## WHAT YOU HAVE TO DO:
From the listing below, copy each line that holds "IFCSIUNIT".

## SUPPLIED INFORMATION:
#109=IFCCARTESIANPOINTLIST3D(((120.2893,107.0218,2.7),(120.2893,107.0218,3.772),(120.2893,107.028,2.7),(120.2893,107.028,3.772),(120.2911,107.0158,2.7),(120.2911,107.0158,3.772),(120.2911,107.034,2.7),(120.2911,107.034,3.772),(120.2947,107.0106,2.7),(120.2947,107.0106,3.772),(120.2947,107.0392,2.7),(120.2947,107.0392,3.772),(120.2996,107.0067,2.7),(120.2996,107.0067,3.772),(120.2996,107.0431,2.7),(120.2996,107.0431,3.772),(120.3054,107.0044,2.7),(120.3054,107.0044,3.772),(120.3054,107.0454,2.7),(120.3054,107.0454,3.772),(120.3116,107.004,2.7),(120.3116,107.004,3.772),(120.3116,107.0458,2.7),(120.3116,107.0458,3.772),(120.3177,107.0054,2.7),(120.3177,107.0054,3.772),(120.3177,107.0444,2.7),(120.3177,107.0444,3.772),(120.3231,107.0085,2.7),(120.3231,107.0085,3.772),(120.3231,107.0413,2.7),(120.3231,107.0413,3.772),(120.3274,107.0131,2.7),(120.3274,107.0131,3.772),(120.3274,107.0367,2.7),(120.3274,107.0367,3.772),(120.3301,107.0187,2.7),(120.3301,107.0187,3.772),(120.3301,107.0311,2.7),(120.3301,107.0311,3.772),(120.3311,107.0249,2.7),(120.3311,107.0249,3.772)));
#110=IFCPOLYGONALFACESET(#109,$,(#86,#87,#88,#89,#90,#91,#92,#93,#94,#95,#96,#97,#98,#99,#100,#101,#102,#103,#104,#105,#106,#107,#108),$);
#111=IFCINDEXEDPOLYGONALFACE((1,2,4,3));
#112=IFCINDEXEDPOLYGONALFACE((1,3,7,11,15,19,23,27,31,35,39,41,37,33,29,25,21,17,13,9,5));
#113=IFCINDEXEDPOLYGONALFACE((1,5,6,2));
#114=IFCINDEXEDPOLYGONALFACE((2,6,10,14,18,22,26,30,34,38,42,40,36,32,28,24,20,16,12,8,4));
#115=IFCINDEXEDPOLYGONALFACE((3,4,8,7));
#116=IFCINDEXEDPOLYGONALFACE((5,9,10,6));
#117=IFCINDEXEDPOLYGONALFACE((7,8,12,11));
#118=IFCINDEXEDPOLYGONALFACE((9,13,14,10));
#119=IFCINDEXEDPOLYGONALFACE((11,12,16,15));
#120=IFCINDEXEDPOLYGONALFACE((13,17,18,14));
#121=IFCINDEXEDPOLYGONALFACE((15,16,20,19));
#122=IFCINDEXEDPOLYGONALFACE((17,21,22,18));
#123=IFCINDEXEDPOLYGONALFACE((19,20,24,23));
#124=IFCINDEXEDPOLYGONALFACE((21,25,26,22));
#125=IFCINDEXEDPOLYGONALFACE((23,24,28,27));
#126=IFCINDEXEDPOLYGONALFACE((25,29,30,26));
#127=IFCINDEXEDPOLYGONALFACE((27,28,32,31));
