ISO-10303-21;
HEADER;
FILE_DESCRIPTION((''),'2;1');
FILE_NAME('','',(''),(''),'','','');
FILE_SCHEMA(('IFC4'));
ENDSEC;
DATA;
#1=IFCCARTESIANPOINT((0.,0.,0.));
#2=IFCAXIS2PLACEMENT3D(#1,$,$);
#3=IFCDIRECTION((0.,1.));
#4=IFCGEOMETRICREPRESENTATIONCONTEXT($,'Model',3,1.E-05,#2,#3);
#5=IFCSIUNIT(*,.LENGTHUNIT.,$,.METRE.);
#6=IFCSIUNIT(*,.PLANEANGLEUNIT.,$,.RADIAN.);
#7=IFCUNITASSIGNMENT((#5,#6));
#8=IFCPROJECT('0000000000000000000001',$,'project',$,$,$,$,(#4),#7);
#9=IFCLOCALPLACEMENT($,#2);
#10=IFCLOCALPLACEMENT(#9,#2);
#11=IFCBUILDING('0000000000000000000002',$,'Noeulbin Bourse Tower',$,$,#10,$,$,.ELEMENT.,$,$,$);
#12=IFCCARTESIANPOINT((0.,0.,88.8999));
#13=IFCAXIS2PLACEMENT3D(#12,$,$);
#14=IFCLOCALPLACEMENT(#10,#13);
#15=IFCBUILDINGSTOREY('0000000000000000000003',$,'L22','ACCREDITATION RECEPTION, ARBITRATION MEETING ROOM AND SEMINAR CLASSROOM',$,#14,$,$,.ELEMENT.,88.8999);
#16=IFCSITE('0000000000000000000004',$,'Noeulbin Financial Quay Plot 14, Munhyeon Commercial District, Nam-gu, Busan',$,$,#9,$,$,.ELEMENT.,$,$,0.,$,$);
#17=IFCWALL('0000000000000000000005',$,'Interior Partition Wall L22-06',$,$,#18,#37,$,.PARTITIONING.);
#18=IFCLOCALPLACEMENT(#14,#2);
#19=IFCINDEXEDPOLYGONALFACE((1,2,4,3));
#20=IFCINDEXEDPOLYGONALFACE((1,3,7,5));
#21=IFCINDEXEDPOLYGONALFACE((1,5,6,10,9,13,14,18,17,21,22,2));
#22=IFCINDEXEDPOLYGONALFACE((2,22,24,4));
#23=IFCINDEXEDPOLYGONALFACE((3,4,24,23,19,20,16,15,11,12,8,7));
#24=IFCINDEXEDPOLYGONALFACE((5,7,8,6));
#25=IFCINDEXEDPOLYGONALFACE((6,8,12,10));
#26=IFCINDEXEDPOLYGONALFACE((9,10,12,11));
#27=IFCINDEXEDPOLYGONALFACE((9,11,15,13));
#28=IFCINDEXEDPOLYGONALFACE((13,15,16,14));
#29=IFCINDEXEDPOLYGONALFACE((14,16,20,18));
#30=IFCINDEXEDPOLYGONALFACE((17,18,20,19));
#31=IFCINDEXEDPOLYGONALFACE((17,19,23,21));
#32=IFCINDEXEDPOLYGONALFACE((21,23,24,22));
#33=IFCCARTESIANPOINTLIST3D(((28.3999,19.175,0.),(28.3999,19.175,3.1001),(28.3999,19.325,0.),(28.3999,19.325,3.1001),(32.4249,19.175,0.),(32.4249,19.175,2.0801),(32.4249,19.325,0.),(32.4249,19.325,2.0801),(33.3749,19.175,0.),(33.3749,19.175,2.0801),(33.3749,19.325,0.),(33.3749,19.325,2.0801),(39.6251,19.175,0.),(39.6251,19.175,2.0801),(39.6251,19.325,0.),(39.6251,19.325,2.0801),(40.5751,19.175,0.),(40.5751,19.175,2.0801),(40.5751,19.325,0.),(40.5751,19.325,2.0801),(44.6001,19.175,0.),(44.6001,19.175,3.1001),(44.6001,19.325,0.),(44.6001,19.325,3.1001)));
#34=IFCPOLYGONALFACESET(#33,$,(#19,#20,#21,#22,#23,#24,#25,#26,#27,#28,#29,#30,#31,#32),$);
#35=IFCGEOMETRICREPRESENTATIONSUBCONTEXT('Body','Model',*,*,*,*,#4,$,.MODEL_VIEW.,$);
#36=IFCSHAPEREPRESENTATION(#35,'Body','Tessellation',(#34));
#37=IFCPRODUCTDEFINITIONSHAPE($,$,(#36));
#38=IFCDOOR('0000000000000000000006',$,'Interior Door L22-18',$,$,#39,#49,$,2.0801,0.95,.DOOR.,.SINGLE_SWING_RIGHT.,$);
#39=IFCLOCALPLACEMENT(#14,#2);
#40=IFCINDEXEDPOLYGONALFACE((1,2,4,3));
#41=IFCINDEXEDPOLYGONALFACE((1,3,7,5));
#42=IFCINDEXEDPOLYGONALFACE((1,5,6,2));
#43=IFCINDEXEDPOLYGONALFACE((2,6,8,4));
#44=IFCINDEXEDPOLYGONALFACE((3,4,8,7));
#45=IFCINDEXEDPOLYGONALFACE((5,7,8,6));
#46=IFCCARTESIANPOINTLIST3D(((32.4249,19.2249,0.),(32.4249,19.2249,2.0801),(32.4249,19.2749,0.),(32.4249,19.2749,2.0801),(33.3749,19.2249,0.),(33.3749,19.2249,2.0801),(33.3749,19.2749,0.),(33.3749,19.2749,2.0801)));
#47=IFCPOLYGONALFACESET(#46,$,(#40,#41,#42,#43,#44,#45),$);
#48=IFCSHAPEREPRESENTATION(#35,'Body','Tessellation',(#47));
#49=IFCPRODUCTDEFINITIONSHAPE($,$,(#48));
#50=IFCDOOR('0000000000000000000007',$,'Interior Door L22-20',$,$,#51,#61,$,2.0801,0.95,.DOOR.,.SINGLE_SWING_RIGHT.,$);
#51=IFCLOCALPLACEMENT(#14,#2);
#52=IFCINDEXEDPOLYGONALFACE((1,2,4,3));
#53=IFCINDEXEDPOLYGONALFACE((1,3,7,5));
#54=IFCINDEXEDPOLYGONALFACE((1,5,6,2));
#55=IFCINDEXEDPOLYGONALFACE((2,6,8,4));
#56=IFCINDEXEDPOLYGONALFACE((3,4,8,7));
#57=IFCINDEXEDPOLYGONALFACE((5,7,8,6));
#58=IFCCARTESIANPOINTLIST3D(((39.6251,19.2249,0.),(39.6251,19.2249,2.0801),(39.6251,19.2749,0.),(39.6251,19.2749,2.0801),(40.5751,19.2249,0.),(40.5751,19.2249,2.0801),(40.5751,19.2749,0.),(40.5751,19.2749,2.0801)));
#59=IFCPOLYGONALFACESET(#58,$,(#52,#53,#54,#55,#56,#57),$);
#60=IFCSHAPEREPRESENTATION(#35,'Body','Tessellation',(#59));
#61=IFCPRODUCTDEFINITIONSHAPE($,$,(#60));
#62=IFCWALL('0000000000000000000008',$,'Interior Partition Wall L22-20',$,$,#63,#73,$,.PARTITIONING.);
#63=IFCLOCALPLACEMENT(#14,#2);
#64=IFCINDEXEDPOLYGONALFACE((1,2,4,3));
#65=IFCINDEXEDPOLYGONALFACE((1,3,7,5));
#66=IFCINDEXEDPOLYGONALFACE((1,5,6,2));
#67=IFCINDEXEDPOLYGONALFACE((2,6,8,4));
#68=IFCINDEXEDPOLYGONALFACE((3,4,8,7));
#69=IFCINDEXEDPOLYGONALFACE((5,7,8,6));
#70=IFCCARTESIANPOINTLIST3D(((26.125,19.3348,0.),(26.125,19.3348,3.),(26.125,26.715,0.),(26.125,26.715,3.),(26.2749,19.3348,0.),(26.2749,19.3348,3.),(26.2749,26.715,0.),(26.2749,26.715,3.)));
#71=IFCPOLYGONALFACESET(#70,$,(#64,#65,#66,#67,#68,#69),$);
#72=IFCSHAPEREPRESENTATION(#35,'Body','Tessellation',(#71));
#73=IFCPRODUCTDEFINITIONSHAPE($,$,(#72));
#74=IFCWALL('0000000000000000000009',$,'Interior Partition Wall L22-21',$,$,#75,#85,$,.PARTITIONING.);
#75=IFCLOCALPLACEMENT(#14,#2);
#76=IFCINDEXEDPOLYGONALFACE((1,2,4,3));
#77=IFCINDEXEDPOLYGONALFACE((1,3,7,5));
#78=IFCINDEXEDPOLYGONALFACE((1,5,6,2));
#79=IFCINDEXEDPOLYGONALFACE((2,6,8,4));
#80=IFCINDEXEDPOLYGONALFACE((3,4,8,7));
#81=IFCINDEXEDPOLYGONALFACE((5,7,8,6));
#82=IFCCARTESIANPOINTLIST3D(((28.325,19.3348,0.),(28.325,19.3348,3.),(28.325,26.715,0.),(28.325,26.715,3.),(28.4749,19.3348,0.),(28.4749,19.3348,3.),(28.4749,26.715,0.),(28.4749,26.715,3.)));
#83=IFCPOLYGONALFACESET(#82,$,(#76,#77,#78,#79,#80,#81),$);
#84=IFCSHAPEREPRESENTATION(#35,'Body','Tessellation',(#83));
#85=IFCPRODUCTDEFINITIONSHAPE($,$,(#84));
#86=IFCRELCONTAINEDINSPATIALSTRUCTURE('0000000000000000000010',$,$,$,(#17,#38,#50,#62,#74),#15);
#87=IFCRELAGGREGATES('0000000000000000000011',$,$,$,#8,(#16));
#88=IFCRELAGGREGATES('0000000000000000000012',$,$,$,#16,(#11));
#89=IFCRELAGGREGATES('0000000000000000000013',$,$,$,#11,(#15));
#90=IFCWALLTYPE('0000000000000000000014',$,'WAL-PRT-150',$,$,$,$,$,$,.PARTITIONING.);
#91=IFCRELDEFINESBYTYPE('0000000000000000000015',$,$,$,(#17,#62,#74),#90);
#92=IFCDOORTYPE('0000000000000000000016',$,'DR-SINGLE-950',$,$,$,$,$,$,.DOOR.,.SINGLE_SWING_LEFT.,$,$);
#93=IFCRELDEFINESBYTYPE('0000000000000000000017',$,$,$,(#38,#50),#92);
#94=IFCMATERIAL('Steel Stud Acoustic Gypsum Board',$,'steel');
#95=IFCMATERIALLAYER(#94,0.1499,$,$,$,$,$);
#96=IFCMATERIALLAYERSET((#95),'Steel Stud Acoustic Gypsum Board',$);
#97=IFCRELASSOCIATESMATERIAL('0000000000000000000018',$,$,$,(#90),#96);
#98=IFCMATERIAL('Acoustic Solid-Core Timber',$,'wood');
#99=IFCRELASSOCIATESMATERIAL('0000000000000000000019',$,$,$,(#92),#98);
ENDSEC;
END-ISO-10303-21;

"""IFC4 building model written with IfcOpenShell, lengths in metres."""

from ifc_helpers import new_model, si_unit, direction, frame, frame_2d, origin, place, context, subcontext, project, spatial, rectangle, extrude, material, layer, layer_set, type_object, element, fill, save


model = new_model("IFC4")

# Units and contexts
model_context = context("Model", 3, precision=1e-05, world=origin(), true_north=direction((0.0, 1.0)))
body_context = subcontext(model_context, "Body", "Model", "MODEL_VIEW")
ifc_project = project(units=[si_unit("LENGTHUNIT", "METRE"), si_unit("PLANEANGLEUNIT", "RADIAN")], contexts=[model_context])

# Site, building, storey
site_placement = place(None, origin())
site = spatial("IfcSite", under=ifc_project, at=site_placement, Name="Noeulbin Financial Quay Plot 14, Munhyeon Commercial District, Nam-gu, Busan", CompositionType="ELEMENT", RefElevation=0.0)
building_placement = place(site_placement, origin())
building = spatial("IfcBuilding", under=site, at=building_placement, Name="Noeulbin Bourse Tower", CompositionType="ELEMENT")
storey_placement = place(building_placement, frame((0.0, 0.0, 88.8999)))
storey = spatial("IfcBuildingStorey", under=building, at=storey_placement, Name="L22", Description="ACCREDITATION RECEPTION, ARBITRATION MEETING ROOM AND SEMINAR CLASSROOM", CompositionType="ELEMENT", Elevation=88.8999)

# Wall, openings, doors
ifc_material_1 = material(Name="Steel Stud Acoustic Gypsum Board", Category="steel")
ifc_layer_1 = layer(ifc_material_1, 0.1499)
ifc_layer_set_1 = layer_set([ifc_layer_1], Name="Steel Stud Acoustic Gypsum Board")
wall_type_1 = type_object("IfcWallType", Name="WAL-PRT-150", PredefinedType="PARTITIONING", material=ifc_layer_set_1)
wall_1_placement = place(storey_placement, frame((28.3999, 19.25, 0.0), z_axis=(0.0, 0.0, 1.0), x_axis=(1.0, 0.0, 0.0)))
wall_1 = element("IfcWall", 1, at=wall_1_placement, inside=storey, type_object=wall_type_1, Name="Interior Partition Wall L22-06", PredefinedType="PARTITIONING", context=body_context, shape_type="SweptSolid", body=[
    extrude(rectangle(XDim=16.2002, YDim=0.1499, at=frame_2d((8.1001, 0.0))), origin(), (0.0, 0.0, 1.0), 3.1001),
])
opening_1_placement = place(wall_1_placement, frame((4.0249, 0.0, 0.0)))
opening_1 = element("IfcOpeningElement", 2, at=opening_1_placement, cuts=wall_1, PredefinedType="OPENING", context=body_context, shape_type="SweptSolid", body=[
    extrude(rectangle(XDim=0.95, YDim=2.0801, at=frame_2d((0.4751, 1.04))), frame((0.0, 0.085, 0.0), z_axis=(0.0, -1.0, 0.0), x_axis=(1.0, 0.0, 0.0)), (0.0, 0.0, 1.0), 0.1699),
])
opening_2_placement = place(wall_1_placement, frame((11.2251, 0.0, 0.0)))
opening_2 = element("IfcOpeningElement", 3, at=opening_2_placement, cuts=wall_1, PredefinedType="OPENING", context=body_context, shape_type="SweptSolid", body=[
    extrude(rectangle(XDim=0.95, YDim=2.0801, at=frame_2d((0.4751, 1.04))), frame((0.0, 0.085, 0.0), z_axis=(0.0, -1.0, 0.0), x_axis=(1.0, 0.0, 0.0)), (0.0, 0.0, 1.0), 0.1699),
])
ifc_material_2 = material(Name="Acoustic Solid-Core Timber", Category="wood")
door_type = type_object("IfcDoorType", Name="DR-SINGLE-950", OperationType="SINGLE_SWING_LEFT", PredefinedType="DOOR", material=ifc_material_2)
door_1_placement = place(opening_1_placement, origin())
door_1 = element("IfcDoor", 4, at=door_1_placement, inside=storey, type_object=door_type, Name="Interior Door L22-18", OperationType="SINGLE_SWING_RIGHT", OverallHeight=2.0801, OverallWidth=0.95, PredefinedType="DOOR", context=body_context, shape_type="SweptSolid", body=[
    extrude(rectangle(XDim=0.95, YDim=2.0801, at=frame_2d((0.4751, 1.04))), frame((0.0, 0.0249, 0.0), z_axis=(0.0, -1.0, 0.0), x_axis=(1.0, 0.0, 0.0)), (0.0, 0.0, 1.0), 0.05),
])
fill(opening_1, door_1)
door_2_placement = place(opening_2_placement, origin())
door_2 = element("IfcDoor", 5, at=door_2_placement, inside=storey, type_object=door_type, Name="Interior Door L22-20", OperationType="SINGLE_SWING_RIGHT", OverallHeight=2.0801, OverallWidth=0.95, PredefinedType="DOOR", context=body_context, shape_type="SweptSolid", body=[
    extrude(rectangle(XDim=0.95, YDim=2.0801, at=frame_2d((0.4751, 1.04))), frame((0.0, 0.0249, 0.0), z_axis=(0.0, -1.0, 0.0), x_axis=(1.0, 0.0, 0.0)), (0.0, 0.0, 1.0), 0.05),
])
fill(opening_2, door_2)

# Walls
for number, where, z_axis, x_axis, name in (
    (6, (26.2, 19.335, 0.0), (0.0, 0.0, 1.0), (0.0, 1.0, 0.0), "Interior Partition Wall L22-20"),
    (7, (28.3999, 19.335, 0.0), (0.0, 0.0, 1.0), (0.0, 1.0, 0.0), "Interior Partition Wall L22-21"),
):
    element("IfcWall", number, at=place(storey_placement, frame(where, z_axis=z_axis, x_axis=x_axis)), inside=storey, type_object=wall_type_1, Name=name, PredefinedType="PARTITIONING", context=body_context, shape_type="SweptSolid", body=[
        extrude(rectangle(XDim=7.3801, YDim=0.1499, at=frame_2d((3.6899, 0.0))), origin(), (0.0, 0.0, 1.0), 3.0),
    ])

save(model, "model.ifc")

## YOUR SOLUTION:
#5=IFCSIUNIT(*,.LENGTHUNIT.,$,.METRE.);
#6=IFCSIUNIT(*,.PLANEANGLEUNIT.,$,.RADIAN.);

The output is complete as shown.